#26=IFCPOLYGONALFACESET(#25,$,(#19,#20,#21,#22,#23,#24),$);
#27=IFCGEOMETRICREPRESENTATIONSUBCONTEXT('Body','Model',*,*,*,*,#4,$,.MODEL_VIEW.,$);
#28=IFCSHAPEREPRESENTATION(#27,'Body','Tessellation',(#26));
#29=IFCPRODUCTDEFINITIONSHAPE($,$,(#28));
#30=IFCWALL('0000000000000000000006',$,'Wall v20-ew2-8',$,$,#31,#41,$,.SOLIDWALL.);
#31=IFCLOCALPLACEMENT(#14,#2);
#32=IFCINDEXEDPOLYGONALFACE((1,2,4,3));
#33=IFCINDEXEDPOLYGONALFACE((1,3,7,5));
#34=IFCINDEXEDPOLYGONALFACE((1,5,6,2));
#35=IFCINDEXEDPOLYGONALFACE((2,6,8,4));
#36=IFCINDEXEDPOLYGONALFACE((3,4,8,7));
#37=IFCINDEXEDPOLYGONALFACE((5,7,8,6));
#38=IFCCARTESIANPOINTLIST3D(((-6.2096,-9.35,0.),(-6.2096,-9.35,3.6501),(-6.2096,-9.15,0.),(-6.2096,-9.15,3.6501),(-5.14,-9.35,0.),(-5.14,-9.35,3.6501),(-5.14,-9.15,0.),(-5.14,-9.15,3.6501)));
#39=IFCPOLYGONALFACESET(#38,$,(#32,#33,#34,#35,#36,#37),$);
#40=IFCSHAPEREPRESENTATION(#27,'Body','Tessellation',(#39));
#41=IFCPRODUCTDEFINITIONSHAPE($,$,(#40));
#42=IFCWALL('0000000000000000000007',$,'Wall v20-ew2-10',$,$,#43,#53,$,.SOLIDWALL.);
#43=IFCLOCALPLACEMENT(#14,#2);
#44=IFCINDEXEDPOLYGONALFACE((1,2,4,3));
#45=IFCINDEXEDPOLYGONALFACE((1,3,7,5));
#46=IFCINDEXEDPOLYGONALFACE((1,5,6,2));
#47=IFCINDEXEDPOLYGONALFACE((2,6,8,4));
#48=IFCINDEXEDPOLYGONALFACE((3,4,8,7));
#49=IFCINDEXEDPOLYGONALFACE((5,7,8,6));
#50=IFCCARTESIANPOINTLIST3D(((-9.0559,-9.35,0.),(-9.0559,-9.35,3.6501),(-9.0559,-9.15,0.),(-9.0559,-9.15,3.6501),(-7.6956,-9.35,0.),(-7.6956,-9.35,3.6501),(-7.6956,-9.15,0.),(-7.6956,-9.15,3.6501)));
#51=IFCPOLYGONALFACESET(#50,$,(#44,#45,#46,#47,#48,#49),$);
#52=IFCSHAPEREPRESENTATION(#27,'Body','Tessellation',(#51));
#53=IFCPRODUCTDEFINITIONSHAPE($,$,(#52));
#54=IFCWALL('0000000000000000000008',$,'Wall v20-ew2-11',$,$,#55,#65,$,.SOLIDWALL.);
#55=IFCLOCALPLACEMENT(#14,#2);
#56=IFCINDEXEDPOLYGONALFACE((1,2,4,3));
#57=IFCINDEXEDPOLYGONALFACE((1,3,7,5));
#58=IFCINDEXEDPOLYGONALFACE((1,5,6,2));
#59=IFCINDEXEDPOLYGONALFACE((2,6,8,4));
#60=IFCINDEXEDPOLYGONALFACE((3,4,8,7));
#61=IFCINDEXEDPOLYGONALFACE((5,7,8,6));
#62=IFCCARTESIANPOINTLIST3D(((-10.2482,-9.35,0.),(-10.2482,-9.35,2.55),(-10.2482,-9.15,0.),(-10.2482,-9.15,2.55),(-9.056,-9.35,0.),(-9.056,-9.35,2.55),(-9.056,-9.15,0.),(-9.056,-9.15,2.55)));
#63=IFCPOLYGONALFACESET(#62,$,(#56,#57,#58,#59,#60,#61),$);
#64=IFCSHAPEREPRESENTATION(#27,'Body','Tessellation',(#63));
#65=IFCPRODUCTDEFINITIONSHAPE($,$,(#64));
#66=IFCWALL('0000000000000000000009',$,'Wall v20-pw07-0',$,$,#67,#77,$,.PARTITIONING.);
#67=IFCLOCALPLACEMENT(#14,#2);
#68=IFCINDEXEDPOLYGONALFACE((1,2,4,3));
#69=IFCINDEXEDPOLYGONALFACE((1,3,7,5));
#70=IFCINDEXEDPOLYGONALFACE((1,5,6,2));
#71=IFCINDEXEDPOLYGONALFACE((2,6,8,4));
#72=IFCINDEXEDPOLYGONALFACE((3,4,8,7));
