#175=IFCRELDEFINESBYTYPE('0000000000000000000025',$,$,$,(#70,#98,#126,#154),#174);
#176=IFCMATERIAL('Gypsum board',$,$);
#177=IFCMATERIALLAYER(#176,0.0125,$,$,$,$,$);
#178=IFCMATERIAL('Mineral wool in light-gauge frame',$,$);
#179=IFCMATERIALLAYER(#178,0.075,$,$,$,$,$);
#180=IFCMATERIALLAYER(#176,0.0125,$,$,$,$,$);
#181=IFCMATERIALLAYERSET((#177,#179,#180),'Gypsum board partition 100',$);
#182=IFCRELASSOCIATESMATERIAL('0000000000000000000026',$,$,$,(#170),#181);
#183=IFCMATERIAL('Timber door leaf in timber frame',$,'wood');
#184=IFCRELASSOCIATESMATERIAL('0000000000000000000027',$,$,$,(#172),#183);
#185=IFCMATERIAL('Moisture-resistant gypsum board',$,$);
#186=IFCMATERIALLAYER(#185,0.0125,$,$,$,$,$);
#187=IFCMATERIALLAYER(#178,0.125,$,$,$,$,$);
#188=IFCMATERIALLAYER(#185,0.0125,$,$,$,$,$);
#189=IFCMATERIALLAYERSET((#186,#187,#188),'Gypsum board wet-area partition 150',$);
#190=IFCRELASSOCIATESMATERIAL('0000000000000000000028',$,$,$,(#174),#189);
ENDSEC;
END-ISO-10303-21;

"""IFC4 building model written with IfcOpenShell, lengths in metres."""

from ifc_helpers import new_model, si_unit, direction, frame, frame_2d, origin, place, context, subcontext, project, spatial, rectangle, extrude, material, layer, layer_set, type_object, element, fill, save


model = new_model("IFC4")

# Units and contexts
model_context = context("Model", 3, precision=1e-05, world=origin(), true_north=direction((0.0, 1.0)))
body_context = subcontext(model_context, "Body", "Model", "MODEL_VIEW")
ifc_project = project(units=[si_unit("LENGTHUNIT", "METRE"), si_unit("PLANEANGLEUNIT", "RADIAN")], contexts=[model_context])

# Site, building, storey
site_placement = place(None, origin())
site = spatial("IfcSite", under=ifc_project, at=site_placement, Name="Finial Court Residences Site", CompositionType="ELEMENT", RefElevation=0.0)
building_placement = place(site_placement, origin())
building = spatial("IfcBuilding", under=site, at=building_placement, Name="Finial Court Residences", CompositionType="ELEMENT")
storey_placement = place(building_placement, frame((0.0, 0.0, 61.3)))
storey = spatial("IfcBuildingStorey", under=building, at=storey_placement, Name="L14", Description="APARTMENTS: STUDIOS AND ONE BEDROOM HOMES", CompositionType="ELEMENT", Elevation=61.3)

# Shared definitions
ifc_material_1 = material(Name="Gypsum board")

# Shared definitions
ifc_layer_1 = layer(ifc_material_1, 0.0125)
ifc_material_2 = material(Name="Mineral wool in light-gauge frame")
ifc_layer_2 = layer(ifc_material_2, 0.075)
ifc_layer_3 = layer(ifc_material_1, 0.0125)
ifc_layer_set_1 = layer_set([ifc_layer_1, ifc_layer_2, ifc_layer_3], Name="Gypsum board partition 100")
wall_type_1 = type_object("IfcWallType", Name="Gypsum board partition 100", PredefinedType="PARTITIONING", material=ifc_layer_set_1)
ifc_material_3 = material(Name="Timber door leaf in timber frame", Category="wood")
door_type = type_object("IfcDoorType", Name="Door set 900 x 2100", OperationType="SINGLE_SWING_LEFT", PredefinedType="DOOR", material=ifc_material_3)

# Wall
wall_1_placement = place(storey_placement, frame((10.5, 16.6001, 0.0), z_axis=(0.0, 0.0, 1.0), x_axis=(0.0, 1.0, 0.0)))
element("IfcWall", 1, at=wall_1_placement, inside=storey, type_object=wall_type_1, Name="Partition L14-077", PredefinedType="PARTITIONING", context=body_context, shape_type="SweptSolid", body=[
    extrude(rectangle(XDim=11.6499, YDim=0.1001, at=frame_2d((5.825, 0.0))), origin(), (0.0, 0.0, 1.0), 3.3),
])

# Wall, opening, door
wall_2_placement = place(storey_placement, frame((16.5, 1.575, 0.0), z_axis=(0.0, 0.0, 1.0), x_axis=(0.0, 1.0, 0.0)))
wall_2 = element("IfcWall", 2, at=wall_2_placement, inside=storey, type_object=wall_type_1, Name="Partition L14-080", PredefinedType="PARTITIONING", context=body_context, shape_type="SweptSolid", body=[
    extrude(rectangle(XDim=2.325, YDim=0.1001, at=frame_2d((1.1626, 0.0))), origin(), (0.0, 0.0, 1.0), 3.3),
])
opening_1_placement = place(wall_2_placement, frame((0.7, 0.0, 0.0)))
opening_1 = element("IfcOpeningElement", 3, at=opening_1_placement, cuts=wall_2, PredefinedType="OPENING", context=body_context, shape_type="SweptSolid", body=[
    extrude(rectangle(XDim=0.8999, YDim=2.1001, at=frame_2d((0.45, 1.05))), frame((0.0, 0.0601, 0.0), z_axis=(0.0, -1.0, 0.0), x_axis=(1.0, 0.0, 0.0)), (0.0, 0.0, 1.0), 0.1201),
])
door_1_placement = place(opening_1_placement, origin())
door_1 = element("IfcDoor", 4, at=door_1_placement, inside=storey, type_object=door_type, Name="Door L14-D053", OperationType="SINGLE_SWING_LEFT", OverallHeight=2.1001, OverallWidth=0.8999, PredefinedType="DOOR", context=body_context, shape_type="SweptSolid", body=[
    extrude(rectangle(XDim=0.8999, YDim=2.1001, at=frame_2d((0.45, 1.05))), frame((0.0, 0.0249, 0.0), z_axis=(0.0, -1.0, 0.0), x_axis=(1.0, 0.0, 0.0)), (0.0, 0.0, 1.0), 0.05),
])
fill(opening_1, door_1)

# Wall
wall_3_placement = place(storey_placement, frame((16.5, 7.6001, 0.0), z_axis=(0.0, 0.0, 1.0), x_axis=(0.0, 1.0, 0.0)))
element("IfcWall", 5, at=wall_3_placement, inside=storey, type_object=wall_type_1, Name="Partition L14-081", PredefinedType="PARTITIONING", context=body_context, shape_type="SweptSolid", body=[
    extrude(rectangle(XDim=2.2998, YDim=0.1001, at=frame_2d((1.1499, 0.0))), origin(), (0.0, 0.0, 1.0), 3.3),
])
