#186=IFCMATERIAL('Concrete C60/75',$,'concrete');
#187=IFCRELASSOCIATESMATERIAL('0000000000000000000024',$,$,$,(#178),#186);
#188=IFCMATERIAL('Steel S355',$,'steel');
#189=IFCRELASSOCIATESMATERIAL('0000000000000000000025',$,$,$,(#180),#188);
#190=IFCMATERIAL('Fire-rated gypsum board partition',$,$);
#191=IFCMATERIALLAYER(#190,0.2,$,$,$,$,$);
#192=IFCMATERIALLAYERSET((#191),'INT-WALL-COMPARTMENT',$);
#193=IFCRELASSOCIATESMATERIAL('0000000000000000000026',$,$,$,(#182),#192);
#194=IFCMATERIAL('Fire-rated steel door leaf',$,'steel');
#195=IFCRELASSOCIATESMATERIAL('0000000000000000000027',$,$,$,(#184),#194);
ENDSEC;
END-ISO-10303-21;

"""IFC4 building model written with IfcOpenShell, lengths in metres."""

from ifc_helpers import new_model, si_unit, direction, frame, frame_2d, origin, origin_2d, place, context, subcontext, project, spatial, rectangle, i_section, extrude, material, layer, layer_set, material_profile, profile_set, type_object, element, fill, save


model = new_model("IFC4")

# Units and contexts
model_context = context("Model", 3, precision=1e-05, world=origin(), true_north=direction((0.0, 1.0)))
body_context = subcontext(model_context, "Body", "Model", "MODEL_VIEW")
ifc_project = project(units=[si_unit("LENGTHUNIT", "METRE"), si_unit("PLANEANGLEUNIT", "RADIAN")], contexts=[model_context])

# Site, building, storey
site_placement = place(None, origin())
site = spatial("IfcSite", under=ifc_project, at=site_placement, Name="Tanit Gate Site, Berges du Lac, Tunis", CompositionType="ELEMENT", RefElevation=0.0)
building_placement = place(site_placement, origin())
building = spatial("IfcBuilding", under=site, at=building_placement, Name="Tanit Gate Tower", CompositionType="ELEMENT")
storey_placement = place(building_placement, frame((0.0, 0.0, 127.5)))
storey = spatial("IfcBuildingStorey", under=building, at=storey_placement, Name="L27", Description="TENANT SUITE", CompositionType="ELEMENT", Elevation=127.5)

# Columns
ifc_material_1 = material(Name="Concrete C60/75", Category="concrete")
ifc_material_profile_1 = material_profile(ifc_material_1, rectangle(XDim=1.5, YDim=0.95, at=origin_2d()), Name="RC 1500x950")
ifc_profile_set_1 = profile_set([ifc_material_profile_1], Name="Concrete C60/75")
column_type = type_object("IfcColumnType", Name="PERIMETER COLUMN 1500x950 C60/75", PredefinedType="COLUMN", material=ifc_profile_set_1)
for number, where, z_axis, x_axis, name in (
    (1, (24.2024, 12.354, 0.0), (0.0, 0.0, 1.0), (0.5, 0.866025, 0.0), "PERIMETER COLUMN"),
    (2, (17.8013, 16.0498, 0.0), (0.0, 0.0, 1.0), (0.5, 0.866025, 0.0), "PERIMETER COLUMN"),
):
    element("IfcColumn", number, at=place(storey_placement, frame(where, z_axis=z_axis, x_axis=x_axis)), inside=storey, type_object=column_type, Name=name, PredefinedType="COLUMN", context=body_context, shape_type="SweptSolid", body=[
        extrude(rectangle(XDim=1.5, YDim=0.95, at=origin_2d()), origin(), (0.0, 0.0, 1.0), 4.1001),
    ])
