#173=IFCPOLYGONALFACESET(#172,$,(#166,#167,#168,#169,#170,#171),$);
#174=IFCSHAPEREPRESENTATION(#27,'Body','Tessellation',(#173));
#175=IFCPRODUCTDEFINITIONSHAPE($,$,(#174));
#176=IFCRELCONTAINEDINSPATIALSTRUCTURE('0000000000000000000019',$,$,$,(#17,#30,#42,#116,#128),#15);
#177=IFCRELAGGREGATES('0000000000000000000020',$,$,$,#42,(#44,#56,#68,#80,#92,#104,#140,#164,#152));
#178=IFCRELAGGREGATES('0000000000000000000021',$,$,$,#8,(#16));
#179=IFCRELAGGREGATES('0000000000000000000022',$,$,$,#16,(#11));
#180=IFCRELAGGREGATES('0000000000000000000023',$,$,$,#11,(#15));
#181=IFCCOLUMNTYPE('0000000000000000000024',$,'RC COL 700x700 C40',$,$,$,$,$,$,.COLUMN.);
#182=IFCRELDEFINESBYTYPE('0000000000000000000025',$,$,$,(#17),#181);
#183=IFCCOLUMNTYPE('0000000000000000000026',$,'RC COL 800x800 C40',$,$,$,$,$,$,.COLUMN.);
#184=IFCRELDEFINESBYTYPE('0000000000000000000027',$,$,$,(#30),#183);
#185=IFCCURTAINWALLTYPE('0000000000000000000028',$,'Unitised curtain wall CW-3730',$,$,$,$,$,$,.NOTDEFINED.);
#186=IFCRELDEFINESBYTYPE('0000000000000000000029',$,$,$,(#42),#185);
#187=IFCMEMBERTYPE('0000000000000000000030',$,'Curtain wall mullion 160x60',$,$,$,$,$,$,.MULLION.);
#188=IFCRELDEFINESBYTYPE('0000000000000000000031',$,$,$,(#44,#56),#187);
──────
» Assignment
Above are some records. Count the lines among them with the word "board", and answer with the number only.

» Solved problem
8